» **Your task**: If a line in the data below holds the word "Residences", copy it.

» **Exercise input**:
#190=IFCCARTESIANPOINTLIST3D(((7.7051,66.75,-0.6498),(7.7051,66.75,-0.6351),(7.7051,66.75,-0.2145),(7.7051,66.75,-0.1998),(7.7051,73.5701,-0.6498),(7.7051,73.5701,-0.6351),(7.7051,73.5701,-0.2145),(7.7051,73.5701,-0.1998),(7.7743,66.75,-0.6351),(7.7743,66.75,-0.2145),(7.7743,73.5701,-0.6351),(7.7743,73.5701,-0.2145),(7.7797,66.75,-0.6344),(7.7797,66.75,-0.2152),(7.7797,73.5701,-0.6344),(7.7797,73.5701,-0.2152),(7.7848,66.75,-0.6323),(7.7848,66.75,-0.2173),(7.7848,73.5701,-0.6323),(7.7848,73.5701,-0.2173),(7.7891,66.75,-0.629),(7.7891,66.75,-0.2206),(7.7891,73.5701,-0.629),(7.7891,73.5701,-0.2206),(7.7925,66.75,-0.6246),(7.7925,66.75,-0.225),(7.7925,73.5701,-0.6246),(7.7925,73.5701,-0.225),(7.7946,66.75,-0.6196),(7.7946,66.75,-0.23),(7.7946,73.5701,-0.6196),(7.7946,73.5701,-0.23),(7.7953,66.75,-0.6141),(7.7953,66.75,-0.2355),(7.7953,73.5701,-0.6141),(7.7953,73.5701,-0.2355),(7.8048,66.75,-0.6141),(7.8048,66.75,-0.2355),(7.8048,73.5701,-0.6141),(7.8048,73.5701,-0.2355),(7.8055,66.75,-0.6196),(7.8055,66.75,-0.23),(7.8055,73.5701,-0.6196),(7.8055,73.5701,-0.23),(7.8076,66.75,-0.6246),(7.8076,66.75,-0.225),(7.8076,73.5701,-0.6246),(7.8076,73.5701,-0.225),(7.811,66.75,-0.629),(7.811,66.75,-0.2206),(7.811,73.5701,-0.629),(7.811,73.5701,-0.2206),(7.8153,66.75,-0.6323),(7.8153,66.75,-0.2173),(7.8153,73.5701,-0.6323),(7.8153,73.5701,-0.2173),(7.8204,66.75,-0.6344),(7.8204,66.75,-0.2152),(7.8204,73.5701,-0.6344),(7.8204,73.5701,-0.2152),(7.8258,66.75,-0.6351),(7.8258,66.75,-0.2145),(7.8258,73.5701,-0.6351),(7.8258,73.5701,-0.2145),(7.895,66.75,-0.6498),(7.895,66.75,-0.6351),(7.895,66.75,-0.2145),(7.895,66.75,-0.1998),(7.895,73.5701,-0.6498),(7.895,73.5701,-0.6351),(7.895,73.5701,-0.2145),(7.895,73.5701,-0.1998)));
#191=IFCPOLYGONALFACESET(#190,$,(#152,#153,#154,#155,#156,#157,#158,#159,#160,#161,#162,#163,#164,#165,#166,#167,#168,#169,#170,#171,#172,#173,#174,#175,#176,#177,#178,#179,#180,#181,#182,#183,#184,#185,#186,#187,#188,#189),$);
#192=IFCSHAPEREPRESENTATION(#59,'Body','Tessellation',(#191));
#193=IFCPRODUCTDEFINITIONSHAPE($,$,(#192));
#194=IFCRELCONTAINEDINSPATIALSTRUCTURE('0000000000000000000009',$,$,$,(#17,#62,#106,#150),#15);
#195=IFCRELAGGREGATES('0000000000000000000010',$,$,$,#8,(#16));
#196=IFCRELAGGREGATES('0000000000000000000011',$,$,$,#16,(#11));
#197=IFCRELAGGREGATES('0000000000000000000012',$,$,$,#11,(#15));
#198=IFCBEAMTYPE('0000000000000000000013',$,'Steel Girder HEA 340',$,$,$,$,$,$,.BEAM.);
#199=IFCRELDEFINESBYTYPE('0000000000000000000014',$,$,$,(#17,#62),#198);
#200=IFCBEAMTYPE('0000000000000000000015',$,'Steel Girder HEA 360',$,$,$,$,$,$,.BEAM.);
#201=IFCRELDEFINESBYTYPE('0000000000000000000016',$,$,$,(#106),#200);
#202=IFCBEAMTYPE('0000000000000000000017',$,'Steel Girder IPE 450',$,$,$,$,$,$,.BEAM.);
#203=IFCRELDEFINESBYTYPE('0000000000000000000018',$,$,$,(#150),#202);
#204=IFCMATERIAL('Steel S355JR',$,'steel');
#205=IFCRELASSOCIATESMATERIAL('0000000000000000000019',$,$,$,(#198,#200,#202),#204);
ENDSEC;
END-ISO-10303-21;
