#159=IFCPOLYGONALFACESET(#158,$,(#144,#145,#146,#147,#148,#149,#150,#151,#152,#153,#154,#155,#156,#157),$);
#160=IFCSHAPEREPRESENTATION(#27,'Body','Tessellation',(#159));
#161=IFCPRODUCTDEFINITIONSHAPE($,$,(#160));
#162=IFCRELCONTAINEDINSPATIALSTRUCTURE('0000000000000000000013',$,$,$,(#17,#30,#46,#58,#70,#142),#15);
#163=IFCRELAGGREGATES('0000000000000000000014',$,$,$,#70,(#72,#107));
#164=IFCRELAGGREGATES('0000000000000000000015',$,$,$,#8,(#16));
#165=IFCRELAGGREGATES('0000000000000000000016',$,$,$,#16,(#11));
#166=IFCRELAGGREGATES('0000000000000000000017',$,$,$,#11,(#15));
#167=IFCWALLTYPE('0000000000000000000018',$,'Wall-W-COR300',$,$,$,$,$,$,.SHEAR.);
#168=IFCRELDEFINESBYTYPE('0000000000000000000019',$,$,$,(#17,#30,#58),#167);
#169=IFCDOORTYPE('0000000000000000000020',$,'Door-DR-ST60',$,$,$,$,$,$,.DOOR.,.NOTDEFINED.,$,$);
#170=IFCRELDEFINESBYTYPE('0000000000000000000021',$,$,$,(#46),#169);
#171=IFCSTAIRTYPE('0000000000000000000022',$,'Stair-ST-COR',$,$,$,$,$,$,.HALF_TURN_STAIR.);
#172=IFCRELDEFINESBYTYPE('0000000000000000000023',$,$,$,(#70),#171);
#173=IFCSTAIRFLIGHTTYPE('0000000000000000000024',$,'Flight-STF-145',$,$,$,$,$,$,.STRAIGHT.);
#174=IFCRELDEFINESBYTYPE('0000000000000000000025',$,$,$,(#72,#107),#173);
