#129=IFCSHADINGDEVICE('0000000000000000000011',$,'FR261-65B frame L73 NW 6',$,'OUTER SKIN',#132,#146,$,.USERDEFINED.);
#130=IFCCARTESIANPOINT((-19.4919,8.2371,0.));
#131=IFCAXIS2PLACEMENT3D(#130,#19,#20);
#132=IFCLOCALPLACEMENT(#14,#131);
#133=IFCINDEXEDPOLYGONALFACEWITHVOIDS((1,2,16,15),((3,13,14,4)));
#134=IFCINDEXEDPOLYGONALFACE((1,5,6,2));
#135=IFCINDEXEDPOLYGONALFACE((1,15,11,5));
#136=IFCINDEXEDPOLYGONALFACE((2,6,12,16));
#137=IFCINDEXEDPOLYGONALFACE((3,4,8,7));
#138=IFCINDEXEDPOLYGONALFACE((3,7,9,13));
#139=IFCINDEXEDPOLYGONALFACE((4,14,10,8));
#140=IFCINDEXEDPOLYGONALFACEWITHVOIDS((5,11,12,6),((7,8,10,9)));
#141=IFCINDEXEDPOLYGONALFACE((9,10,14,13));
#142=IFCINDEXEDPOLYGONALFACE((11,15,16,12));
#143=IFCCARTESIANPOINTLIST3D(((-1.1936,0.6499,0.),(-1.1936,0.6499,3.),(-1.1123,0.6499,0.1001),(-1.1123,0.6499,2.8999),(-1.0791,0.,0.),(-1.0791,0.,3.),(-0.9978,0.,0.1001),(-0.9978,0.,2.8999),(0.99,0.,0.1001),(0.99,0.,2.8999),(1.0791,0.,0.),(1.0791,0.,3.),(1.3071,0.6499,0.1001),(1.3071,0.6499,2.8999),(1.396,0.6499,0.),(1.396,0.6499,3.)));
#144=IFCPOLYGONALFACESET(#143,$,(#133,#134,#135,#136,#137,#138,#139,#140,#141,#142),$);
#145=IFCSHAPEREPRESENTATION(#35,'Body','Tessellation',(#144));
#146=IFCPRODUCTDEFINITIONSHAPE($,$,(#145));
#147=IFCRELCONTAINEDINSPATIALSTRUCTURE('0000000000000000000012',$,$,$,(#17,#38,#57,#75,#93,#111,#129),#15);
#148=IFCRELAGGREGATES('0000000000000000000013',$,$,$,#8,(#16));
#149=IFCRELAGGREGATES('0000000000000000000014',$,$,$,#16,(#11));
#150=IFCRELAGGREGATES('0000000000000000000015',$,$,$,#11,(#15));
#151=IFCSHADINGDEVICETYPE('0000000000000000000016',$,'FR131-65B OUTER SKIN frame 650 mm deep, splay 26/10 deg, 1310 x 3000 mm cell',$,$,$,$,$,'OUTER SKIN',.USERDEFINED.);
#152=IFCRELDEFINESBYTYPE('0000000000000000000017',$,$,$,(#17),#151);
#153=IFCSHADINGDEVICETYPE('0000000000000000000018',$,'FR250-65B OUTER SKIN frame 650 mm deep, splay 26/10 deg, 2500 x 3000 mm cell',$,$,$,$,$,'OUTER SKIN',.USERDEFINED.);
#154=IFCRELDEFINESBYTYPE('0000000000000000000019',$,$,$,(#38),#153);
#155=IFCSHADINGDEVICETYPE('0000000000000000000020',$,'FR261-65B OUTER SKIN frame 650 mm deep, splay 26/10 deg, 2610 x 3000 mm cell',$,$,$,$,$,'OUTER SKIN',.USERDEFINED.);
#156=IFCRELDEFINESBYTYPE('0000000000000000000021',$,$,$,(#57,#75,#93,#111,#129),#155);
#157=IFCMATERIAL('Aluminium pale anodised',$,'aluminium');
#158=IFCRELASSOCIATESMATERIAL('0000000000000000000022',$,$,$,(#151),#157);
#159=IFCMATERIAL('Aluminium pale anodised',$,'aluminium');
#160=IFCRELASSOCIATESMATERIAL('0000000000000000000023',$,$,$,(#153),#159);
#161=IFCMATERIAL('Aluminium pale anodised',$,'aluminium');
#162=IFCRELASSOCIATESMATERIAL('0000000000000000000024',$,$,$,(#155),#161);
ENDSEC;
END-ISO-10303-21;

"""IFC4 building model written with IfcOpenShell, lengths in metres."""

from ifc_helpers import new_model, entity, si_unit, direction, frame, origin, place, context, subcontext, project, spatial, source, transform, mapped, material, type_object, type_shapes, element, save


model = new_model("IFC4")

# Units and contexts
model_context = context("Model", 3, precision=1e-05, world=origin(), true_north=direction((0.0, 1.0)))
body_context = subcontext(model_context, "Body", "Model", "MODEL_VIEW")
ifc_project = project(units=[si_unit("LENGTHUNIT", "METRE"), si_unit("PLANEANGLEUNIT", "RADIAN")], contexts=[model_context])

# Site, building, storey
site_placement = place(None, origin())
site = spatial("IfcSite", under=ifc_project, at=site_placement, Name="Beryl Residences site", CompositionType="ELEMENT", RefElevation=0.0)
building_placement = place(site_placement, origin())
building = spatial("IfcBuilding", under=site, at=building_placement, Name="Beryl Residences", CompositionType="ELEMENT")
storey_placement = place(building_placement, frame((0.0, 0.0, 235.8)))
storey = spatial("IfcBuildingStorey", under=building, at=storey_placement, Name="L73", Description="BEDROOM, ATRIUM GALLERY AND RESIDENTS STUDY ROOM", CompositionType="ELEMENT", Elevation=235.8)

» **Reply to the exercise**:
site = spatial("IfcSite", under=ifc_project, at=site_placement, Name="Beryl Residences site", CompositionType="ELEMENT", RefElevation=0.0)
building = spatial("IfcBuilding", under=site, at=building_placement, Name="Beryl Residences", CompositionType="ELEMENT")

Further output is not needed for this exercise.